BEGIN Supplied material
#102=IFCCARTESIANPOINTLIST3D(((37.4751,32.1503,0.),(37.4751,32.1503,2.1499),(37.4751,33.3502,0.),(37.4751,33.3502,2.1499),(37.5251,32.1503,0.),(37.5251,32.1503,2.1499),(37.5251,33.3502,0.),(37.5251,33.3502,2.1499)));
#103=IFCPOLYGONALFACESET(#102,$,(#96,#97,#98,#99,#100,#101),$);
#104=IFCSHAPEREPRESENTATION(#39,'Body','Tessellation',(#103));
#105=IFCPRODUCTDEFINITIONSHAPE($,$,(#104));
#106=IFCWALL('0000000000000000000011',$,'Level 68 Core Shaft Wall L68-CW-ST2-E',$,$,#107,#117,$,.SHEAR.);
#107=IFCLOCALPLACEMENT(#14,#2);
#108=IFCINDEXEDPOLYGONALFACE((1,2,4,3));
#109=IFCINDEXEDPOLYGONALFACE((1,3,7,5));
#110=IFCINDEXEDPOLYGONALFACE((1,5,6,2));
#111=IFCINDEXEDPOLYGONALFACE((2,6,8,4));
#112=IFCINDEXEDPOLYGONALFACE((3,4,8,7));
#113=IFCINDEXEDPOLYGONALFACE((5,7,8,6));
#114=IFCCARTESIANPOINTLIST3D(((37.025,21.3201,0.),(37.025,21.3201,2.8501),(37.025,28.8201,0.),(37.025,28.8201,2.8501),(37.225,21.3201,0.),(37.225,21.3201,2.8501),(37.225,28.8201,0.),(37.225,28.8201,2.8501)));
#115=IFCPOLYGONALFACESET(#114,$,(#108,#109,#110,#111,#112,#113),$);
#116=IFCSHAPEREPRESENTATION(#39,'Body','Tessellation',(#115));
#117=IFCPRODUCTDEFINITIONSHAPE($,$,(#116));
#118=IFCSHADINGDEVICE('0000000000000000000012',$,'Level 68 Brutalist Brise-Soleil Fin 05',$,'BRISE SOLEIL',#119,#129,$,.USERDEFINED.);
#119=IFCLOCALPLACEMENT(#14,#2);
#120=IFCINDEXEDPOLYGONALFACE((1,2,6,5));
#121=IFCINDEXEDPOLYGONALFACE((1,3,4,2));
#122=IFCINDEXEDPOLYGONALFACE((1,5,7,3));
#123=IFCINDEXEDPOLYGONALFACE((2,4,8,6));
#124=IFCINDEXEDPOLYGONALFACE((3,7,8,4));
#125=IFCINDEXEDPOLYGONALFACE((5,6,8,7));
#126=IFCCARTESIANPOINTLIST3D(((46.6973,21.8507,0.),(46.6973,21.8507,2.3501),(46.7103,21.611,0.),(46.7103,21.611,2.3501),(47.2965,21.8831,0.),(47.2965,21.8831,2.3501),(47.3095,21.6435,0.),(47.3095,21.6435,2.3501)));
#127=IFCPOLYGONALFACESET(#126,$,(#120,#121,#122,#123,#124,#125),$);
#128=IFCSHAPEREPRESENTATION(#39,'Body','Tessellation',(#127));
END Supplied material
Exercise>
Copy every record precisely, omitting nothing.

Written response>
#102=IFCCARTESIANPOINTLIST3D(((37.4751,32.1503,0.),(37.4751,32.1503,2.1499),(37.4751,33.3502,0.),(37.4751,33.3502,2.1499),(37.5251,32.1503,0.),(37.5251,32.1503,2.1499),(37.5251,33.3502,0.),(37.5251,33.3502,2.1499)));
#103=IFCPOLYGONALFACESET(#102,$,(#96,#97,#98,#99,#100,#101),$);
#104=IFCSHAPEREPRESENTATION(#39,'Body','Tessellation',(#103));
#105=IFCPRODUCTDEFINITIONSHAPE($,$,(#104));
#106=IFCWALL('0000000000000000000011',$,'Level 68 Core Shaft Wall L68-CW-ST2-E',$,$,#107,#117,$,.SHEAR.);
#107=IFCLOCALPLACEMENT(#14,#2);
#108=IFCINDEXEDPOLYGONALFACE((1,2,4,3));
#109=IFCINDEXEDPOLYGONALFACE((1,3,7,5));
#110=IFCINDEXEDPOLYGONALFACE((1,5,6,2));
#111=IFCINDEXEDPOLYGONALFACE((2,6,8,4));
#112=IFCINDEXEDPOLYGONALFACE((3,4,8,7));
#113=IFCINDEXEDPOLYGONALFACE((5,7,8,6));
#114=IFCCARTESIANPOINTLIST3D(((37.025,21.3201,0.),(37.025,21.3201,2.8501),(37.025,28.8201,0.),(37.025,28.8201,2.8501),(37.225,21.3201,0.),(37.225,21.3201,2.8501),(37.225,28.8201,0.),(37.225,28.8201,2.8501)));
#115=IFCPOLYGONALFACESET(#114,$,(#108,#109,#110,#111,#112,#113),$);
#116=IFCSHAPEREPRESENTATION(#39,'Body','Tessellation',(#115));
#117=IFCPRODUCTDEFINITIONSHAPE($,$,(#116));
#118=IFCSHADINGDEVICE('0000000000000000000012',$,'Level 68 Brutalist Brise-Soleil Fin 05',$,'BRISE SOLEIL',#119,#129,$,.USERDEFINED.);
#119=IFCLOCALPLACEMENT(#14,#2);
#120=IFCINDEXEDPOLYGONALFACE((1,2,6,5));
#121=IFCINDEXEDPOLYGONALFACE((1,3,4,2));
#122=IFCINDEXEDPOLYGONALFACE((1,5,7,3));
#123=IFCINDEXEDPOLYGONALFACE((2,4,8,6));
#124=IFCINDEXEDPOLYGONALFACE((3,7,8,4));
#125=IFCINDEXEDPOLYGONALFACE((5,6,8,7));
#126=IFCCARTESIANPOINTLIST3D(((46.6973,21.8507,0.),(46.6973,21.8507,2.3501),(46.7103,21.611,0.),(46.7103,21.611,2.3501),(47.2965,21.8831,0.),(47.2965,21.8831,2.3501),(47.3095,21.6435,0.),(47.3095,21.6435,2.3501)));
#127=IFCPOLYGONALFACESET(#126,$,(#120,#121,#122,#123,#124,#125),$);
#128=IFCSHAPEREPRESENTATION(#39,'Body','Tessellation',(#127));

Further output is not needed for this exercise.